Source data:
<<<<

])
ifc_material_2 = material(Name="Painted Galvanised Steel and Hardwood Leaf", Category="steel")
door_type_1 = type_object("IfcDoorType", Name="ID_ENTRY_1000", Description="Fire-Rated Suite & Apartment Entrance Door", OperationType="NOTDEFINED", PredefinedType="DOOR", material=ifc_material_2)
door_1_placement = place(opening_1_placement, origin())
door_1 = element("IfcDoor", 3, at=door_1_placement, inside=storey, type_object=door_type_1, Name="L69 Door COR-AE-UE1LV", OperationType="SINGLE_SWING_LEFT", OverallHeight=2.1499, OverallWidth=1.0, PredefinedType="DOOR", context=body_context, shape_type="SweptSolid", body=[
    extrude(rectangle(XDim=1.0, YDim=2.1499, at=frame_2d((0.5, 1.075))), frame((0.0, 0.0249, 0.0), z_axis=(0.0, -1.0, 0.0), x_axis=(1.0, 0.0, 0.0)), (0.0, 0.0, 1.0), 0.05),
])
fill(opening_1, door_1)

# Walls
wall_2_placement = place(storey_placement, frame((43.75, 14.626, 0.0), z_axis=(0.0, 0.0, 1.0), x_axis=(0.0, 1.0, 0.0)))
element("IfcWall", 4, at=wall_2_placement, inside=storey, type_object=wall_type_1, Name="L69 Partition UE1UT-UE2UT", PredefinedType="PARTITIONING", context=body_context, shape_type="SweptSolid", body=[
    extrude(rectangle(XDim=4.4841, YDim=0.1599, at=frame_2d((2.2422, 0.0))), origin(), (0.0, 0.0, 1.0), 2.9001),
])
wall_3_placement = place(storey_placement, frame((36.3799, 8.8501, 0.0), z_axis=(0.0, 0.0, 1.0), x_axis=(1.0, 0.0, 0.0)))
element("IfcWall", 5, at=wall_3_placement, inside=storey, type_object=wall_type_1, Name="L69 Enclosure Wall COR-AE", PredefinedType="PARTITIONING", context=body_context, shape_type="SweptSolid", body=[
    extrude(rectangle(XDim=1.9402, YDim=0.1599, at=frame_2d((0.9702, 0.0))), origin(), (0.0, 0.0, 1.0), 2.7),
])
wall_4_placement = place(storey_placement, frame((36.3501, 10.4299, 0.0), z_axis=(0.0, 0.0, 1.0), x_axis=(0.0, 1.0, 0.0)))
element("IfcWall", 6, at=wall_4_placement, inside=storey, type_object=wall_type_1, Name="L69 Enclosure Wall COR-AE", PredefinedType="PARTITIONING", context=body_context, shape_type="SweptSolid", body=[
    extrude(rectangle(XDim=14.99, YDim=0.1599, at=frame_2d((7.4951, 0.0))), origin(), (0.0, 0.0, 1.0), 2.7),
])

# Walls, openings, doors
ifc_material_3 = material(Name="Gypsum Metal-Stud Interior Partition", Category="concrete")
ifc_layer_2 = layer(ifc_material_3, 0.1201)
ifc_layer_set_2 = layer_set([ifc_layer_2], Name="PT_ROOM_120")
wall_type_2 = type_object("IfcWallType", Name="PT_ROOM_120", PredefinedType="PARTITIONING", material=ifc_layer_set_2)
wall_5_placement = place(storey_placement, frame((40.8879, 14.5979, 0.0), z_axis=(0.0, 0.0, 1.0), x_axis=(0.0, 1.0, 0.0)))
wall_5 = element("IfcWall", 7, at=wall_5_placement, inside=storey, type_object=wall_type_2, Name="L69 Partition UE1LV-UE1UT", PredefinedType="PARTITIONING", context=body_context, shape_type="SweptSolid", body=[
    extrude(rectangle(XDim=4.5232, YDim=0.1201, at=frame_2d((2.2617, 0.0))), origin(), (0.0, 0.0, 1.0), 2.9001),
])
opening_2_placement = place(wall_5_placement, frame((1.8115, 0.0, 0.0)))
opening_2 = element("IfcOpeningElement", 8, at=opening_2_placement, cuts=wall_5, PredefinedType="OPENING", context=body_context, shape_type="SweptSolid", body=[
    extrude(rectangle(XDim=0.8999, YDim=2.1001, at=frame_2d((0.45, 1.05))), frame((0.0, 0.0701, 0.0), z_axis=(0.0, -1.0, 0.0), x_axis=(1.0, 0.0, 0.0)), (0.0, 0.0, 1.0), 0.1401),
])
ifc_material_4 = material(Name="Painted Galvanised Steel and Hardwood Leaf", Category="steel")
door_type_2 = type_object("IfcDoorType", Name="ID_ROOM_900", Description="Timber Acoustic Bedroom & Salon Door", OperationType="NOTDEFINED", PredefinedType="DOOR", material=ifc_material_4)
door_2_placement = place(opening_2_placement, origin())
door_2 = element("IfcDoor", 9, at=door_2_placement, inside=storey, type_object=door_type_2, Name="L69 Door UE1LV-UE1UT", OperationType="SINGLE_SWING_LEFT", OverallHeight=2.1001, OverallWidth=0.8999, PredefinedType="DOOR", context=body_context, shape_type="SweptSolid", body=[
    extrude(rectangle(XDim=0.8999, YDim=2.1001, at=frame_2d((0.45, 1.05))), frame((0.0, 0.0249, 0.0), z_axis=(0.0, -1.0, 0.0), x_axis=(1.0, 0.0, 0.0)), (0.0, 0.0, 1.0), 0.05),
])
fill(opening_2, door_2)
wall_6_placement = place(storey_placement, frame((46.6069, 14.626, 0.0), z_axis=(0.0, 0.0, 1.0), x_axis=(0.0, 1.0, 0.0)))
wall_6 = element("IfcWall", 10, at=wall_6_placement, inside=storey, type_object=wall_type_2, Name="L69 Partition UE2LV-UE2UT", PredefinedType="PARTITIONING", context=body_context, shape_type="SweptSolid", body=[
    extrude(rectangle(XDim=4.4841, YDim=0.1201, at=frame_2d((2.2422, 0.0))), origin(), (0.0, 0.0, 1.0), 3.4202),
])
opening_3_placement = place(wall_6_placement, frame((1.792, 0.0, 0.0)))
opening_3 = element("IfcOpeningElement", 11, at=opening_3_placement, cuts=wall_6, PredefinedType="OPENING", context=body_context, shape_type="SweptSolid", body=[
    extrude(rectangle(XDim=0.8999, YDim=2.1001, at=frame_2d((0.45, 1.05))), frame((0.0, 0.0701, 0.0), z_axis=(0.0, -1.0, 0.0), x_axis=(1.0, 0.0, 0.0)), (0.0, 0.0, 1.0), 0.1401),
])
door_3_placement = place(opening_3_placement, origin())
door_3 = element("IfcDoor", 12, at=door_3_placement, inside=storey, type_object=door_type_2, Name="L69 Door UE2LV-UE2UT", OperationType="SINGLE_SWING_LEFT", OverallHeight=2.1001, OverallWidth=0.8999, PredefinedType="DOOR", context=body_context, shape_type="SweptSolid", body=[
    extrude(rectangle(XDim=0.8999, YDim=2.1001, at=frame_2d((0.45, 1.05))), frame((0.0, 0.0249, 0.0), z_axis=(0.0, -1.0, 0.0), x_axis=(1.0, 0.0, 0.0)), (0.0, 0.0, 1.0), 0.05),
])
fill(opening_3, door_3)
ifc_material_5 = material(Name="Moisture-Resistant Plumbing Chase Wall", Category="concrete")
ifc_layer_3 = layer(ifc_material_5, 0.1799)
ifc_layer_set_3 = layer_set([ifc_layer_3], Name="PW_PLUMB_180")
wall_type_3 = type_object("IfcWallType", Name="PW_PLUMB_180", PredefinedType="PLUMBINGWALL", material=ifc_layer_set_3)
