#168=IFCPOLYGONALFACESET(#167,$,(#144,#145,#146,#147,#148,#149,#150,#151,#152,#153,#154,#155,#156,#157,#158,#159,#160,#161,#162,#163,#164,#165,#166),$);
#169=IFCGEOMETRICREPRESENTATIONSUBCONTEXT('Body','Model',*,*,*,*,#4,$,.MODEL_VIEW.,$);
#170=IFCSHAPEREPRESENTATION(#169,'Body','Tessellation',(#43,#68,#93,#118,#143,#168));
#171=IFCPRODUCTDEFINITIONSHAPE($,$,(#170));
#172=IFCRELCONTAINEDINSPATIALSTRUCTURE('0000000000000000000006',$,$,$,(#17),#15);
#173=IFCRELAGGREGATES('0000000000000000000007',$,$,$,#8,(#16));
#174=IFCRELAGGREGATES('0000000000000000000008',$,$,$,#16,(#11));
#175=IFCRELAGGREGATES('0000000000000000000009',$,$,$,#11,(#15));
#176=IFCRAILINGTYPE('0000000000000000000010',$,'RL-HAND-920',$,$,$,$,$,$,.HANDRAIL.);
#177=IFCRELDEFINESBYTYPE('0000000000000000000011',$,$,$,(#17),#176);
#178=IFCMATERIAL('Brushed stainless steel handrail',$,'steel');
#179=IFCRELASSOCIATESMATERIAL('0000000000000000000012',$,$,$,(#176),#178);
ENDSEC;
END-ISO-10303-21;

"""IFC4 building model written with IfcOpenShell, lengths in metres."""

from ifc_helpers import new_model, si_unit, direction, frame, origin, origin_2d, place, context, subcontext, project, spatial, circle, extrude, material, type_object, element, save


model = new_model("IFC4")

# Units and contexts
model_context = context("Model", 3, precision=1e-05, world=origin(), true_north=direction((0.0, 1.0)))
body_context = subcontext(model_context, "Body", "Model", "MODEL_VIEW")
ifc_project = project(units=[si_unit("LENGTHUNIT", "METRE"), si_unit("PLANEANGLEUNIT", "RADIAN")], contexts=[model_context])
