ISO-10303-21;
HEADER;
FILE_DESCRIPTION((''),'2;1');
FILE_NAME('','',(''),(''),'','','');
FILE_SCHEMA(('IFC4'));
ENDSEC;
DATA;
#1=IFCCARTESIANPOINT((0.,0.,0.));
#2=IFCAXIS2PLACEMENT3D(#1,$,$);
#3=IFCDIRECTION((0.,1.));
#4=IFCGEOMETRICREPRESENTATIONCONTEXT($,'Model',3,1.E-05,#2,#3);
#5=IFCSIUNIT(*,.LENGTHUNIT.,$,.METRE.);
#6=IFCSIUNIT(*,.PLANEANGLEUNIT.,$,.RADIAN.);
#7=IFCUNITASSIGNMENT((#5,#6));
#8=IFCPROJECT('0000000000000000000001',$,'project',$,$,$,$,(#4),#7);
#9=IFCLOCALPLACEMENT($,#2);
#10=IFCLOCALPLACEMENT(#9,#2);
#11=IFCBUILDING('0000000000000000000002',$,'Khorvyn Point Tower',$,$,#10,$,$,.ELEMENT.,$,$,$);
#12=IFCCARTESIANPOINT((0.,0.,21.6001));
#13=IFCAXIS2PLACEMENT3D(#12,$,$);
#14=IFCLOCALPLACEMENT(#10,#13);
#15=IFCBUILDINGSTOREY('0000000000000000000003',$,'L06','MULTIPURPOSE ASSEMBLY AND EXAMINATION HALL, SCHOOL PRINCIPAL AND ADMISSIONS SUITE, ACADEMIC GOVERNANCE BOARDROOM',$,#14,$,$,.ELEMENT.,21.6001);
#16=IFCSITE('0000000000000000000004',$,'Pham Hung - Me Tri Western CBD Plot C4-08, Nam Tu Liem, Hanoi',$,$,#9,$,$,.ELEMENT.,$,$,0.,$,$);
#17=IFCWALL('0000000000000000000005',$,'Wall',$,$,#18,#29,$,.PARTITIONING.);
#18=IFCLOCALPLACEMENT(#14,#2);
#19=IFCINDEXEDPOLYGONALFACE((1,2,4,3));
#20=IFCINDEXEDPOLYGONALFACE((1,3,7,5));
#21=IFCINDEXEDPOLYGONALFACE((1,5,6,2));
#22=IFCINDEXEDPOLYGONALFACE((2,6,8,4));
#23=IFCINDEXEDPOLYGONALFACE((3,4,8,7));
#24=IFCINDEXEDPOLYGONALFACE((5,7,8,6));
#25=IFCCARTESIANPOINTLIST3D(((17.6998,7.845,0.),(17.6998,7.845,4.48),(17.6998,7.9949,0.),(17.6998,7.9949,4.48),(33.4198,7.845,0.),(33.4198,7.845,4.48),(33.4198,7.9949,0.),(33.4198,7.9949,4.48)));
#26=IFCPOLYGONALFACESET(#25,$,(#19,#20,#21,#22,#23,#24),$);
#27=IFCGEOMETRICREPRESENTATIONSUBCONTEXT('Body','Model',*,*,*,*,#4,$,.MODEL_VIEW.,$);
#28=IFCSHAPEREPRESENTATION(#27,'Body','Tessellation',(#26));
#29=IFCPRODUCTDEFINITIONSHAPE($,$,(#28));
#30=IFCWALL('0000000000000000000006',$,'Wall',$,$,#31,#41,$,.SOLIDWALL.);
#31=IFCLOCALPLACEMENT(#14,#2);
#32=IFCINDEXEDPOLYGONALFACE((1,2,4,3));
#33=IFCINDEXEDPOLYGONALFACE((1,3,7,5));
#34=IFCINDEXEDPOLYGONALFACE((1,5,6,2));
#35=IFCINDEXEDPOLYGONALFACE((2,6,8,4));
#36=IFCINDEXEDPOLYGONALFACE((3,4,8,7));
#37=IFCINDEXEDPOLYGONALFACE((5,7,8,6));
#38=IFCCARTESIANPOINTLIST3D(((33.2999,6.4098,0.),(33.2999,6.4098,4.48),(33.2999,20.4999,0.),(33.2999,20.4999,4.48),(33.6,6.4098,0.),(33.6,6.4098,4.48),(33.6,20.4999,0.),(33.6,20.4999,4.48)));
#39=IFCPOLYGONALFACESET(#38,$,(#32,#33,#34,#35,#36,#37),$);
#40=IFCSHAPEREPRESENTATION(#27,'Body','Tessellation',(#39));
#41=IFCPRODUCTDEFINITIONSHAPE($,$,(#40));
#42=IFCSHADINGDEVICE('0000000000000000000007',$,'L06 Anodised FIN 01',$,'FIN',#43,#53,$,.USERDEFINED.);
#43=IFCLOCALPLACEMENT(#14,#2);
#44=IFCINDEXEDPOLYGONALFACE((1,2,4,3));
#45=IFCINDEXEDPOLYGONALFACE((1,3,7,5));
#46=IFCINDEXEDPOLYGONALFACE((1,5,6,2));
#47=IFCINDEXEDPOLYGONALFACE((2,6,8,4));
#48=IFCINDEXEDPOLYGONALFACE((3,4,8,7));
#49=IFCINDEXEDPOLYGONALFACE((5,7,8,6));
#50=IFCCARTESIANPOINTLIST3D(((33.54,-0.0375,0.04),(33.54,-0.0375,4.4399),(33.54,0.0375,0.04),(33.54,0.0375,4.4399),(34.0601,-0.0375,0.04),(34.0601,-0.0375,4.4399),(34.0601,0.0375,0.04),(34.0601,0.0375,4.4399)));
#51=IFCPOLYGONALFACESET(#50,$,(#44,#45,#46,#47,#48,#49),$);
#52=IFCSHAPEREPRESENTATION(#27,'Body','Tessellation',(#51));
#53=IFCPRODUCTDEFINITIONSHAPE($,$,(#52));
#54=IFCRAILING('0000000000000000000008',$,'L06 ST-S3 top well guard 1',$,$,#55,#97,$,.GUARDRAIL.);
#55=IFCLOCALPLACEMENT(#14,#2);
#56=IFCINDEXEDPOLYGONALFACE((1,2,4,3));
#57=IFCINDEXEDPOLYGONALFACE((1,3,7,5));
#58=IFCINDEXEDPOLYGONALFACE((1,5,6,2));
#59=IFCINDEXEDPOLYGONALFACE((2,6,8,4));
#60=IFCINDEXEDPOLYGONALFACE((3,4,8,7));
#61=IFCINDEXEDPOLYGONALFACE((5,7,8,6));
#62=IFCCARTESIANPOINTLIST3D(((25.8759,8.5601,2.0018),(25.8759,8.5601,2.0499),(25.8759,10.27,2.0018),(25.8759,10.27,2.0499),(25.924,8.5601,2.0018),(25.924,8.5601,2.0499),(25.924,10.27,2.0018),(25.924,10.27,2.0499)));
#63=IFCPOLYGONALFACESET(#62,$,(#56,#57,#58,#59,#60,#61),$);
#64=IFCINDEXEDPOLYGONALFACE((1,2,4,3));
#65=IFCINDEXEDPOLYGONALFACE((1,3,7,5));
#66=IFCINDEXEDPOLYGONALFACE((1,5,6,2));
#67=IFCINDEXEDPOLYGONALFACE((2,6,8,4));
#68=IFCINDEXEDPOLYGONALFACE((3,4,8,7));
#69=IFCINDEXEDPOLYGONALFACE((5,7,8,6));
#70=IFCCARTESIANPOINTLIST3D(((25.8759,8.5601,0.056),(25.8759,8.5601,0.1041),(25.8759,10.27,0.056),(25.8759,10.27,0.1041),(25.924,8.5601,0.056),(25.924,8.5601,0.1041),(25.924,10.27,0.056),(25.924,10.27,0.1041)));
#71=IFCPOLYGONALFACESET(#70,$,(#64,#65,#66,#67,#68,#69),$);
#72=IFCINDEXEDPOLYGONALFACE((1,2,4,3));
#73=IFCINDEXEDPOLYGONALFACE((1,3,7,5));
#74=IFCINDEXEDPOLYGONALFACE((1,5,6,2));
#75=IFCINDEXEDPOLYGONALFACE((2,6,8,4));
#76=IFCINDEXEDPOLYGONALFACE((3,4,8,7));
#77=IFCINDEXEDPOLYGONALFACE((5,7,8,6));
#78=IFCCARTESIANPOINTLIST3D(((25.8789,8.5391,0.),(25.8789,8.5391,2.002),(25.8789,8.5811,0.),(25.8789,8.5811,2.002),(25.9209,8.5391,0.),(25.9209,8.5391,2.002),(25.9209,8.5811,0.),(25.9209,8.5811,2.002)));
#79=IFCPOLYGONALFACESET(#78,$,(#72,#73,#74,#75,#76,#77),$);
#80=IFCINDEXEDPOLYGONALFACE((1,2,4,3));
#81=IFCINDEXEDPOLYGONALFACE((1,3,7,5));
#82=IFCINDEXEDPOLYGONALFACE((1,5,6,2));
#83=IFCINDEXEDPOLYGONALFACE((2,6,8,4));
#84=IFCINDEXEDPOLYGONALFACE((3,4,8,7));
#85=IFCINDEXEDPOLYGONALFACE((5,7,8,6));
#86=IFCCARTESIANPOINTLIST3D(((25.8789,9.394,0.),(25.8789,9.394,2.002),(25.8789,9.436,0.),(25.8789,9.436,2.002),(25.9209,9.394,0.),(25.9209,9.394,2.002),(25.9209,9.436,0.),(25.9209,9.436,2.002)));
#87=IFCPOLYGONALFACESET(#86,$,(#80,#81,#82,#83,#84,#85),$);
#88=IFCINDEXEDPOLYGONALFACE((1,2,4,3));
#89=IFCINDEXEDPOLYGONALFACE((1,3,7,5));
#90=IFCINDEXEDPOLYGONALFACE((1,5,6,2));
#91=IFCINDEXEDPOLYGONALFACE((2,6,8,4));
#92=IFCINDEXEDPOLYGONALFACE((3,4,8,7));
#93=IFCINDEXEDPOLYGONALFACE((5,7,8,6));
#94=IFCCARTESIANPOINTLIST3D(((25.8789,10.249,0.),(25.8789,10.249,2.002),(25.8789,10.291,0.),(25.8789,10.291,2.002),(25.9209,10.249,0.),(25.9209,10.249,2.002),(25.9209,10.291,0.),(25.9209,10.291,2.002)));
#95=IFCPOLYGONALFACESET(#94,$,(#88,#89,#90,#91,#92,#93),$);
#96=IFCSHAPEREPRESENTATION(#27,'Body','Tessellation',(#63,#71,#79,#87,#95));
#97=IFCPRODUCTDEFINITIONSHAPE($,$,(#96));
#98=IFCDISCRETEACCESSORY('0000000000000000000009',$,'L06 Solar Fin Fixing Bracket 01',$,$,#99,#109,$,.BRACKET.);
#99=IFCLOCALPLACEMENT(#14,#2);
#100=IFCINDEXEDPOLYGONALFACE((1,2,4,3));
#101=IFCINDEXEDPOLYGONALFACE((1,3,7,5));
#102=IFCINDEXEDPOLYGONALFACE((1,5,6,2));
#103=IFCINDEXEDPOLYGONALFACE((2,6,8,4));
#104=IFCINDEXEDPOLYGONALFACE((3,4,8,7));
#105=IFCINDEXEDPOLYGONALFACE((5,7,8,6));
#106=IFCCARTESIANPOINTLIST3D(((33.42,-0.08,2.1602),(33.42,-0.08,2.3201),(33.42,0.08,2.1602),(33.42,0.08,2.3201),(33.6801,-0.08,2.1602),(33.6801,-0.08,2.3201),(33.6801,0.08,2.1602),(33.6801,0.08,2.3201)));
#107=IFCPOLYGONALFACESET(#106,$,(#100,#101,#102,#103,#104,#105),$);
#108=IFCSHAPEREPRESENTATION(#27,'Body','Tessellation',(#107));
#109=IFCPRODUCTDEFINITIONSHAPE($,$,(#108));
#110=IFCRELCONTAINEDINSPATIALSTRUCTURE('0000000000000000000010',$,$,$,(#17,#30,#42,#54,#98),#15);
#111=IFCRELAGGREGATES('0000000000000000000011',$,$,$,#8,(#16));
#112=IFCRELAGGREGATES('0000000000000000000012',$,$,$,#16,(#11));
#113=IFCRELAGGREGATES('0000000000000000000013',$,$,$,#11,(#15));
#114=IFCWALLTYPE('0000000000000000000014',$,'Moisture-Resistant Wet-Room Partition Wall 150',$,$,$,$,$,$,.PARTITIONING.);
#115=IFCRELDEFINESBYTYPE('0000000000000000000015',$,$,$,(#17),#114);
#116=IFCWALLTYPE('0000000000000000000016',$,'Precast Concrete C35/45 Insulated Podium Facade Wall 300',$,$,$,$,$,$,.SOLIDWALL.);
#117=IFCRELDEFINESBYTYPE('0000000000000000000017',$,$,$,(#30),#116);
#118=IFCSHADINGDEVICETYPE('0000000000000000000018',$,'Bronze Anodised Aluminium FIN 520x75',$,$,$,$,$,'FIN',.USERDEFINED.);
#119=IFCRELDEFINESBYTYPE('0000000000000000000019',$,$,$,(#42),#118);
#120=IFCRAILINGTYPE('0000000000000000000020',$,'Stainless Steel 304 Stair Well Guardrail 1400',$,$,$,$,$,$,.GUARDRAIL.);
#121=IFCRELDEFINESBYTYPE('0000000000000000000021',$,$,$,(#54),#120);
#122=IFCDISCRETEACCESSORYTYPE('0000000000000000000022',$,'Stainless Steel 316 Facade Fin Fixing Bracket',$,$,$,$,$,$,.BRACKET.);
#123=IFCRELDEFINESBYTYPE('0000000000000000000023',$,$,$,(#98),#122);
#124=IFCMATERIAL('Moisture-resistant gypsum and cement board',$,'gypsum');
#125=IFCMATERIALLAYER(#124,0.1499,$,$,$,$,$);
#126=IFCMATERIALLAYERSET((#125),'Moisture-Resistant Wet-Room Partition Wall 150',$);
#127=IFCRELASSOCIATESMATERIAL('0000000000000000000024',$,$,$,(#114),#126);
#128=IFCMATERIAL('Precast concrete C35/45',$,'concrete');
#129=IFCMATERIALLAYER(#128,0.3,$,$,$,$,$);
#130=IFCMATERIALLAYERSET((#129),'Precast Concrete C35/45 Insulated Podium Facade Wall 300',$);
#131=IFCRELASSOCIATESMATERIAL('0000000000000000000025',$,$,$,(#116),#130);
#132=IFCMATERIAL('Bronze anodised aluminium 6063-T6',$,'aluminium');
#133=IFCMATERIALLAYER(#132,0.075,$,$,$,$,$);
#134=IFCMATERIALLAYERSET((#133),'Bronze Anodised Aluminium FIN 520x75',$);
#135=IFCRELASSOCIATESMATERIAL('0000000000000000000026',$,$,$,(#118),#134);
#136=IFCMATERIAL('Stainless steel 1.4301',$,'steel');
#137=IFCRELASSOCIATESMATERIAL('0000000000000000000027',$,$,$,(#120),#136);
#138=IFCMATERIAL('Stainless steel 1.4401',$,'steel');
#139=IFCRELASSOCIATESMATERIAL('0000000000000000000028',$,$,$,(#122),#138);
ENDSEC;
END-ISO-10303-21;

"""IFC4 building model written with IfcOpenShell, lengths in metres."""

from ifc_helpers import new_model, si_unit, direction, frame, frame_2d, origin, origin_2d, place, context, subcontext, project, spatial, rectangle, extrude, material, layer, layer_set, type_object, element, save


model = new_model("IFC4")

# Units and contexts
model_context = context("Model", 3, precision=1e-05, world=origin(), true_north=direction((0.0, 1.0)))
body_context = subcontext(model_context, "Body", "Model", "MODEL_VIEW")
ifc_project = project(units=[si_unit("LENGTHUNIT", "METRE"), si_unit("PLANEANGLEUNIT", "RADIAN")], contexts=[model_context])

# Site, building, storey
site_placement = place(None, origin())
site = spatial("IfcSite", under=ifc_project, at=site_placement, Name="Pham Hung - Me Tri Western CBD Plot C4-08, Nam Tu Liem, Hanoi", CompositionType="ELEMENT", RefElevation=0.0)
building_placement = place(site_placement, origin())
building = spatial("IfcBuilding", under=site, at=building_placement, Name="Khorvyn Point Tower", CompositionType="ELEMENT")
storey_placement = place(building_placement, frame((0.0, 0.0, 21.6001)))
storey = spatial("IfcBuildingStorey", under=building, at=storey_placement, Name="L06", Description="MULTIPURPOSE ASSEMBLY AND EXAMINATION HALL, SCHOOL PRINCIPAL AND ADMISSIONS SUITE, ACADEMIC GOVERNANCE BOARDROOM", CompositionType="ELEMENT", Elevation=21.6001)

# Walls
ifc_material_1 = material(Name="Moisture-resistant gypsum and cement board", Category="gypsum")
ifc_layer_1 = layer(ifc_material_1, 0.1499)
ifc_layer_set_1 = layer_set([ifc_layer_1], Name="Moisture-Resistant Wet-Room Partition Wall 150")
wall_type_1 = type_object("IfcWallType", Name="Moisture-Resistant Wet-Room Partition Wall 150", PredefinedType="PARTITIONING", material=ifc_layer_set_1)
wall_1_placement = place(storey_placement, frame((17.7, 7.9199, 0.0), z_axis=(0.0, 0.0, 1.0), x_axis=(1.0, 0.0, 0.0)))
element("IfcWall", 1, at=wall_1_placement, inside=storey, type_object=wall_type_1, Name="Wall", PredefinedType="PARTITIONING", context=body_context, shape_type="SweptSolid", body=[
    extrude(rectangle(XDim=15.72, YDim=0.1499, at=frame_2d((7.8599, 0.0))), origin(), (0.0, 0.0, 1.0), 4.48),
])
ifc_material_2 = material(Name="Precast concrete C35/45", Category="concrete")
ifc_layer_2 = layer(ifc_material_2, 0.3)
ifc_layer_set_2 = layer_set([ifc_layer_2], Name="Precast Concrete C35/45 Insulated Podium Facade Wall 300")
wall_type_2 = type_object("IfcWallType", Name="Precast Concrete C35/45 Insulated Podium Facade Wall 300", PredefinedType="SOLIDWALL", material=ifc_layer_set_2)
wall_2_placement = place(storey_placement, frame((33.45, 6.4099, 0.0), z_axis=(0.0, 0.0, 1.0), x_axis=(0.0, 1.0, 0.0)))
element("IfcWall", 2, at=wall_2_placement, inside=storey, type_object=wall_type_2, Name="Wall", PredefinedType="SOLIDWALL", context=body_context, shape_type="SweptSolid", body=[
    extrude(rectangle(XDim=14.0901, YDim=0.3, at=frame_2d((7.0449, 0.0))), origin(), (0.0, 0.0, 1.0), 4.48),
])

>>>>

**Required work:** Please find, in the entries above, every line where "BRACKET" occurs, and copy it.

**Answer space:**
#98=IFCDISCRETEACCESSORY('0000000000000000000009',$,'L06 Solar Fin Fixing Bracket 01',$,$,#99,#109,$,.BRACKET.);
#122=IFCDISCRETEACCESSORYTYPE('0000000000000000000022',$,'Stainless Steel 316 Facade Fin Fixing Bracket',$,$,$,$,$,$,.BRACKET.);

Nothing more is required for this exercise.